----- Data under study -----

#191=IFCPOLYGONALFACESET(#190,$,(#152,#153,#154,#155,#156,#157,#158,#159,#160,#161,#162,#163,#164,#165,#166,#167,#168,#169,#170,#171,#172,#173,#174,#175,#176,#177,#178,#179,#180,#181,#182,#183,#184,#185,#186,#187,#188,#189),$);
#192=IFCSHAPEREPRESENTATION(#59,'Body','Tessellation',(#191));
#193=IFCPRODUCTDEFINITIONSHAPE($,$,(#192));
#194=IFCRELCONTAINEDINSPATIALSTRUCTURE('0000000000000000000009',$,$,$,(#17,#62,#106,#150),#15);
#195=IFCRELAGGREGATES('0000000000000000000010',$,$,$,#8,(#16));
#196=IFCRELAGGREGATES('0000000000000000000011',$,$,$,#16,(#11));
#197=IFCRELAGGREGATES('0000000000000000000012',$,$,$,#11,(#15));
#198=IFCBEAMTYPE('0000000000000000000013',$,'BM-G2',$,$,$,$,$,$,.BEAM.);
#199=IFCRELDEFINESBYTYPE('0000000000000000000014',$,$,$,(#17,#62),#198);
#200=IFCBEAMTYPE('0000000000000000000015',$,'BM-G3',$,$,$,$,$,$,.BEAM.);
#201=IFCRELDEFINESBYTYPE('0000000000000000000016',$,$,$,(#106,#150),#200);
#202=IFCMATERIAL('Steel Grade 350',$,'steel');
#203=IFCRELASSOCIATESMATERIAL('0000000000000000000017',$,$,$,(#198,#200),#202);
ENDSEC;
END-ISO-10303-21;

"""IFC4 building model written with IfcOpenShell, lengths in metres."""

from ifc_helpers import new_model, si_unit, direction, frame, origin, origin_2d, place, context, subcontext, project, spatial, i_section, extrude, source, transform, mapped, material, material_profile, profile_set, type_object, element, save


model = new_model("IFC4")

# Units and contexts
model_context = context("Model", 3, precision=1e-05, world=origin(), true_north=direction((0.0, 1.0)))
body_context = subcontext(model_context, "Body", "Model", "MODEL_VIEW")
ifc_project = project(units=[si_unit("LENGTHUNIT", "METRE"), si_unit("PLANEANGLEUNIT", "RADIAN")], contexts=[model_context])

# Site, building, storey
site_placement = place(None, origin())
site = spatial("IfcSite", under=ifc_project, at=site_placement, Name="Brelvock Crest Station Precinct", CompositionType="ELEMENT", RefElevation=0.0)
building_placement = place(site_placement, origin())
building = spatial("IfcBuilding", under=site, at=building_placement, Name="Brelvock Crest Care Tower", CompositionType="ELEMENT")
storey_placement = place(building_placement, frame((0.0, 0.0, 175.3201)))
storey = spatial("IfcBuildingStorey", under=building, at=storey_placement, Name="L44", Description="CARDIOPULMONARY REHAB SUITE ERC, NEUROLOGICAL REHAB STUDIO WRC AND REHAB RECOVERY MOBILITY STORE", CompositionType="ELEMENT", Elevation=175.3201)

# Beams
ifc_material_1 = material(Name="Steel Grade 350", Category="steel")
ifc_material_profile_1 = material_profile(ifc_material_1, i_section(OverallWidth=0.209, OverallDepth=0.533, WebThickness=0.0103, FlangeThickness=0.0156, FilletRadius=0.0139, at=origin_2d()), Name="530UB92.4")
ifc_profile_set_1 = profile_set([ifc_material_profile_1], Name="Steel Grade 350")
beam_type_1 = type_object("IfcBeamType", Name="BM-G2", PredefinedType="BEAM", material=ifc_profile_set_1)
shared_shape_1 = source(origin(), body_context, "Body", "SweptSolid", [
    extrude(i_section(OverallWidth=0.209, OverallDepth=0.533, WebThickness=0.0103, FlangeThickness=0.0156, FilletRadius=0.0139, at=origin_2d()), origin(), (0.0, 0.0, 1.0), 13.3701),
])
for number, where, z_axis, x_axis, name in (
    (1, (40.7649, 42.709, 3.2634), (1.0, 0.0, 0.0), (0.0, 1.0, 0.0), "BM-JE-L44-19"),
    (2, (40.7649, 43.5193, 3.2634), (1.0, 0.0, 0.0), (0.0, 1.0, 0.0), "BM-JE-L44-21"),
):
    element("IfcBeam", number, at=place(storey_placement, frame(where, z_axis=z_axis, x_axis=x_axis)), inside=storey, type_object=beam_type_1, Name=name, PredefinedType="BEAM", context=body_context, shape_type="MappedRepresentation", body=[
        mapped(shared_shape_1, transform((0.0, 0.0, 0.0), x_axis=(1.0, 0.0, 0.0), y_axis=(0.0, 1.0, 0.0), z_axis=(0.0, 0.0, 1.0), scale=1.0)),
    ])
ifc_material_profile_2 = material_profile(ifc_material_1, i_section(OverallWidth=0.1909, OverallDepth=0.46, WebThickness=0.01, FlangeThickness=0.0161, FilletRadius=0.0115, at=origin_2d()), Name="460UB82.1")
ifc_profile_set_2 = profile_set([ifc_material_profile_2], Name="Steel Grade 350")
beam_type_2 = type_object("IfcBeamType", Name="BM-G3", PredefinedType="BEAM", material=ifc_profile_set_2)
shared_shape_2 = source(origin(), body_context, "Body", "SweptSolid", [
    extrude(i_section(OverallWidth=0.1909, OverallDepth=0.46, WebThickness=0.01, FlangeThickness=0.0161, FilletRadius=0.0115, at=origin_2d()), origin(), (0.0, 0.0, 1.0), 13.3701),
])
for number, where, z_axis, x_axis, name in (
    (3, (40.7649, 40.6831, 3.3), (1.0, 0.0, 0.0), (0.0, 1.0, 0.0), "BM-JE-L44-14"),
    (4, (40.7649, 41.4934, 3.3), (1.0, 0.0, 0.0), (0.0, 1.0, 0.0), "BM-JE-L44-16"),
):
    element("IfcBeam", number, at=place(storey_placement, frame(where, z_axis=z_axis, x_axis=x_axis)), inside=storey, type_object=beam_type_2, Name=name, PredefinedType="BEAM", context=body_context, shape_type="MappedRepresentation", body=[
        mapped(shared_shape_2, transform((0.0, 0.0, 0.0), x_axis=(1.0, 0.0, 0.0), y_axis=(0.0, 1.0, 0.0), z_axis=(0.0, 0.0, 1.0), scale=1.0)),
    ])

-----

What is expected – Which lines of the records above contain the word "SweptSolid"? Report each one.

Response for this exercise –
shared_shape_1 = source(origin(), body_context, "Body", "SweptSolid", [
shared_shape_2 = source(origin(), body_context, "Body", "SweptSolid", [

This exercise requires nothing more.